═══ Source data ═══

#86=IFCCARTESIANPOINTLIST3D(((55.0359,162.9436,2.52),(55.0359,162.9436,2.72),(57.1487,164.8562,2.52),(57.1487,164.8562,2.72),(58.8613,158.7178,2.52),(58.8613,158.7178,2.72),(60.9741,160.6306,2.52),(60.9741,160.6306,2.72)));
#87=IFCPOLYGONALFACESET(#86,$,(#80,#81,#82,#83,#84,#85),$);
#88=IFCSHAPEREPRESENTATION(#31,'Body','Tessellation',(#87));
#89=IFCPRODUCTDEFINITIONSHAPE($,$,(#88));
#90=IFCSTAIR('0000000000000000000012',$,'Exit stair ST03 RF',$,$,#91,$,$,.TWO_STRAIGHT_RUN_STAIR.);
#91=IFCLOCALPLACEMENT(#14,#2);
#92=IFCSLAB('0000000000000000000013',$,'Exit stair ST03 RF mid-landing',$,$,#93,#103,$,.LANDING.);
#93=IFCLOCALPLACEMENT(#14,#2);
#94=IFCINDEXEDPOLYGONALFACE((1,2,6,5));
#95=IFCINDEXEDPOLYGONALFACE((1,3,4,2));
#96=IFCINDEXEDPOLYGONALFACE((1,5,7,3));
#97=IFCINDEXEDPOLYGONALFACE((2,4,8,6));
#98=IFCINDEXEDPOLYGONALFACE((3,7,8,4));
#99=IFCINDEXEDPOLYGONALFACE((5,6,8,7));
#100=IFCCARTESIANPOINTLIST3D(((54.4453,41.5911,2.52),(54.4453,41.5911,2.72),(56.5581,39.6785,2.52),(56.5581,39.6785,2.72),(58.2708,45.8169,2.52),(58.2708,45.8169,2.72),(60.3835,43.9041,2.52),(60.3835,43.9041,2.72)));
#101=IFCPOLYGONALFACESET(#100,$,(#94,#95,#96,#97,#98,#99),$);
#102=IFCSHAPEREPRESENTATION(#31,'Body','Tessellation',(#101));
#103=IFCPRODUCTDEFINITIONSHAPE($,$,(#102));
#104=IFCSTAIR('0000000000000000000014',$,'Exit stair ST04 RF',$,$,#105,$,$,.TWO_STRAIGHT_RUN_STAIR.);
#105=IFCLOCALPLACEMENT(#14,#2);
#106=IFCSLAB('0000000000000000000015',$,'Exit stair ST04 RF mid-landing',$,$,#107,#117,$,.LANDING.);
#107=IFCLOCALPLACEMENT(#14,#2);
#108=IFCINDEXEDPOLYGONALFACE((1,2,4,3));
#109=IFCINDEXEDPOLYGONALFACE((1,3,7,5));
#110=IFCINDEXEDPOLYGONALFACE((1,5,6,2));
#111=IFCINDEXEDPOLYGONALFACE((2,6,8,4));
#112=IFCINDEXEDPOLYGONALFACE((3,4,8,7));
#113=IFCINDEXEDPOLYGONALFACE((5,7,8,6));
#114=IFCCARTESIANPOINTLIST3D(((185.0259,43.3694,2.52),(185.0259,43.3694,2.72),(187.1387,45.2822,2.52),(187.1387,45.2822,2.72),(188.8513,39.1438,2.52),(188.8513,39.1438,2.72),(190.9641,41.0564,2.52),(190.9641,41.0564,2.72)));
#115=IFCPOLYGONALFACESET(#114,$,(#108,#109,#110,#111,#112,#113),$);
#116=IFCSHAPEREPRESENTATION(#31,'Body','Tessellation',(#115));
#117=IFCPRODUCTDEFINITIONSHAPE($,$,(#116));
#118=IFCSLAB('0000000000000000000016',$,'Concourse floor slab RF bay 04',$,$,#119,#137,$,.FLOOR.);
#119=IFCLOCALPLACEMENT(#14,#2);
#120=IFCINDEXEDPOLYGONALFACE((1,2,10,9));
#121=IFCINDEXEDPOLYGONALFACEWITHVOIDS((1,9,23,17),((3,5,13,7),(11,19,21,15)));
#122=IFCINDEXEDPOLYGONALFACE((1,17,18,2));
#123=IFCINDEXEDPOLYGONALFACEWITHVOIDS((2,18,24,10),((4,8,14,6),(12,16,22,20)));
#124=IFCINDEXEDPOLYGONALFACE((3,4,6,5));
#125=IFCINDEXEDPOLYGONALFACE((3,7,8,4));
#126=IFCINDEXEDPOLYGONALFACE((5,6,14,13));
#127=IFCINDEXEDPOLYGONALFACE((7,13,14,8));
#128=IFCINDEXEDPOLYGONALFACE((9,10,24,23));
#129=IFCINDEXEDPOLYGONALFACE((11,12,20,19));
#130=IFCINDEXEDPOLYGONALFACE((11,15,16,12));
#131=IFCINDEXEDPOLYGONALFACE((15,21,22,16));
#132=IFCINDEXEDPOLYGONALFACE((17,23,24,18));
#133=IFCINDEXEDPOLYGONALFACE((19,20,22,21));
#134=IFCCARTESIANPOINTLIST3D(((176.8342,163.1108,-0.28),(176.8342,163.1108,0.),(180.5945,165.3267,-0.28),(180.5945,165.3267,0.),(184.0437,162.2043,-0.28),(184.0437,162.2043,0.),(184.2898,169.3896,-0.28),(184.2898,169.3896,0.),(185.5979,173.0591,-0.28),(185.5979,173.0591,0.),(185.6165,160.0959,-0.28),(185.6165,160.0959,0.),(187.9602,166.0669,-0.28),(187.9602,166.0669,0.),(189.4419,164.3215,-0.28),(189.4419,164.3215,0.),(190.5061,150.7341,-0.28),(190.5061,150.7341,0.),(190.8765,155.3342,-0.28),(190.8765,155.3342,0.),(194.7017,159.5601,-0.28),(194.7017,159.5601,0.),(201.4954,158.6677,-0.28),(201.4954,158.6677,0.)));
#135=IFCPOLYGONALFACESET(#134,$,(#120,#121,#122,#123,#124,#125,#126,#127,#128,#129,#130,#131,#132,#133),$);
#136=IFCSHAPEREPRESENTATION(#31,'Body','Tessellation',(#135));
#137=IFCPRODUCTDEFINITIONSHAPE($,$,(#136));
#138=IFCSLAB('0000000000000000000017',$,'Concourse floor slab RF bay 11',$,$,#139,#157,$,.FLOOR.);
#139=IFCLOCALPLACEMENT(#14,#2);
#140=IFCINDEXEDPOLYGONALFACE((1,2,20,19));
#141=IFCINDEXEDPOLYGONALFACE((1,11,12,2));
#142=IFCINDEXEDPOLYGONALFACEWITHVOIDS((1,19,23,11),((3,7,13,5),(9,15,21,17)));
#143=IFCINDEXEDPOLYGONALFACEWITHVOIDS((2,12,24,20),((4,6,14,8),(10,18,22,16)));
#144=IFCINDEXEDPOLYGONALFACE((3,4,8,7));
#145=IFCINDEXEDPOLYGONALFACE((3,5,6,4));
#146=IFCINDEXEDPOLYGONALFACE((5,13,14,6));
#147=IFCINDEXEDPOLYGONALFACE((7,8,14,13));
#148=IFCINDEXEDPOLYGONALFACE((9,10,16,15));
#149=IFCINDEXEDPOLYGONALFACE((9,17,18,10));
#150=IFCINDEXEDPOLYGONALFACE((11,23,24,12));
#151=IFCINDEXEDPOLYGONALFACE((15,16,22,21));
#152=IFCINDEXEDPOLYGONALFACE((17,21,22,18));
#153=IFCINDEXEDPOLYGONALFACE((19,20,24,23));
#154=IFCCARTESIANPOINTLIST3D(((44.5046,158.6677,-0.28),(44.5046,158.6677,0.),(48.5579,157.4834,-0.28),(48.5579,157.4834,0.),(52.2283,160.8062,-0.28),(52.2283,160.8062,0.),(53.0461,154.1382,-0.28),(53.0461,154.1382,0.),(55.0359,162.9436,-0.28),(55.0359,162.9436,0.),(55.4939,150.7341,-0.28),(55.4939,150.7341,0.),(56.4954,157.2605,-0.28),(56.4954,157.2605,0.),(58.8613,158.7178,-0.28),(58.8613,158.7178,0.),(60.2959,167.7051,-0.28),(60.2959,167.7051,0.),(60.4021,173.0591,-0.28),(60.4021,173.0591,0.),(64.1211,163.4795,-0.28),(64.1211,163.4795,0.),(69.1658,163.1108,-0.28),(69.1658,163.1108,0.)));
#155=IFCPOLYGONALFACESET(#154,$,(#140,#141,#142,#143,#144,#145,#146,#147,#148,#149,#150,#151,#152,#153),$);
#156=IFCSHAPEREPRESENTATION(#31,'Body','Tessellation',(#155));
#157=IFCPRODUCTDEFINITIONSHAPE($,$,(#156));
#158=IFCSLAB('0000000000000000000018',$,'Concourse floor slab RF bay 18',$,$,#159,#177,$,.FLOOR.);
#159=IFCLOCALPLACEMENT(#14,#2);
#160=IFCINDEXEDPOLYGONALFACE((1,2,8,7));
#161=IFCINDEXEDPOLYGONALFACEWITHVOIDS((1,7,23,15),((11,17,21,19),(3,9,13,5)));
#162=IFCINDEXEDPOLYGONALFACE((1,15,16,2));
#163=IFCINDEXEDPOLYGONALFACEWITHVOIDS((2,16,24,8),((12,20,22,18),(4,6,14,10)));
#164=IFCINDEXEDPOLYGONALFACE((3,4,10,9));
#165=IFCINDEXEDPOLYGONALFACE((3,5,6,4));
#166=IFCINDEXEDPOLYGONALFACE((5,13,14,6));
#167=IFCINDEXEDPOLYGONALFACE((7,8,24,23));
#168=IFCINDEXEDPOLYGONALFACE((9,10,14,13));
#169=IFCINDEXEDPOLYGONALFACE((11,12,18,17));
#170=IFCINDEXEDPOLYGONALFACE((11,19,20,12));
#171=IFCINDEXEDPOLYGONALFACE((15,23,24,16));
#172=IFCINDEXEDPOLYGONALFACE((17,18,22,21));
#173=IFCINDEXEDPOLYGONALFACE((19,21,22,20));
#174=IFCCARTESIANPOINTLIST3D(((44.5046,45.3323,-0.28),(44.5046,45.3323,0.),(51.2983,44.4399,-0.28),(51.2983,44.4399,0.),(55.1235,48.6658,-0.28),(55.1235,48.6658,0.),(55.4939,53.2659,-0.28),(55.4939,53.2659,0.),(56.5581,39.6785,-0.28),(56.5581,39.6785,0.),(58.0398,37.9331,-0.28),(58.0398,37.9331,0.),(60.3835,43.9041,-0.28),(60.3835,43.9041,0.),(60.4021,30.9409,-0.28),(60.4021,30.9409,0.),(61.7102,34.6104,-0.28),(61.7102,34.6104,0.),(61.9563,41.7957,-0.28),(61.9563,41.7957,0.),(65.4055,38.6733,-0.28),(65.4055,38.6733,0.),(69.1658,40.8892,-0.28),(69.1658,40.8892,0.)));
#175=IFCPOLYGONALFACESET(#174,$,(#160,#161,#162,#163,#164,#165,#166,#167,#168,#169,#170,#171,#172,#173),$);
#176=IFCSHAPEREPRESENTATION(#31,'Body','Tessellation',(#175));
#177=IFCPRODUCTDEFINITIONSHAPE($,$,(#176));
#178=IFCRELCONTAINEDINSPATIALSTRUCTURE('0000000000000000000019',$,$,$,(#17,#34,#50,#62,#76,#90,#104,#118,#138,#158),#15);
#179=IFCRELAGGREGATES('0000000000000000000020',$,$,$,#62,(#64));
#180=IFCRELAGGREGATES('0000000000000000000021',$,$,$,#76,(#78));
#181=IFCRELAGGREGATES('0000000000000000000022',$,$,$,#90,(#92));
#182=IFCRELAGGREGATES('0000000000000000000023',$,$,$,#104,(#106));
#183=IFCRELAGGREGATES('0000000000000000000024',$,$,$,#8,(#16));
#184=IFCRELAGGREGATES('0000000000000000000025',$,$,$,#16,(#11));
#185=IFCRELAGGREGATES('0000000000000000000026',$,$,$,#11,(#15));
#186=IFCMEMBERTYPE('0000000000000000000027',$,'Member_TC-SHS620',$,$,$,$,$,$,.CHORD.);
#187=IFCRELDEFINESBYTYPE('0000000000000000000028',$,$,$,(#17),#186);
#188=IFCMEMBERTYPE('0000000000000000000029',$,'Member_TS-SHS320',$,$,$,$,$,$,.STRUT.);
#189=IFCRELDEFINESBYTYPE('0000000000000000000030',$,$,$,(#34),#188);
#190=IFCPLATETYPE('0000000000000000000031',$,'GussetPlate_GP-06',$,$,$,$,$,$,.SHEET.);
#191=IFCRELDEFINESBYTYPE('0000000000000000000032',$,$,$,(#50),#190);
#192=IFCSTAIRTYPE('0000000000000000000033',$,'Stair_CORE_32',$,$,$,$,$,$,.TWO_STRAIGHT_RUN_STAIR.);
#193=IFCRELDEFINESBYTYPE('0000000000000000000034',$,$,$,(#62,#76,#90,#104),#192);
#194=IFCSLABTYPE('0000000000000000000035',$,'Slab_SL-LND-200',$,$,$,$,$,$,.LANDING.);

═══

The lines from the beginning of the records through the line containing "#91=IFCLOCALPLACEMENT(#14,#2);" should be reproduced exactly. Include nothing else.

#86=IFCCARTESIANPOINTLIST3D(((55.0359,162.9436,2.52),(55.0359,162.9436,2.72),(57.1487,164.8562,2.52),(57.1487,164.8562,2.72),(58.8613,158.7178,2.52),(58.8613,158.7178,2.72),(60.9741,160.6306,2.52),(60.9741,160.6306,2.72)));
#87=IFCPOLYGONALFACESET(#86,$,(#80,#81,#82,#83,#84,#85),$);
#88=IFCSHAPEREPRESENTATION(#31,'Body','Tessellation',(#87));
#89=IFCPRODUCTDEFINITIONSHAPE($,$,(#88));
#90=IFCSTAIR('0000000000000000000012',$,'Exit stair ST03 RF',$,$,#91,$,$,.TWO_STRAIGHT_RUN_STAIR.);
#91=IFCLOCALPLACEMENT(#14,#2);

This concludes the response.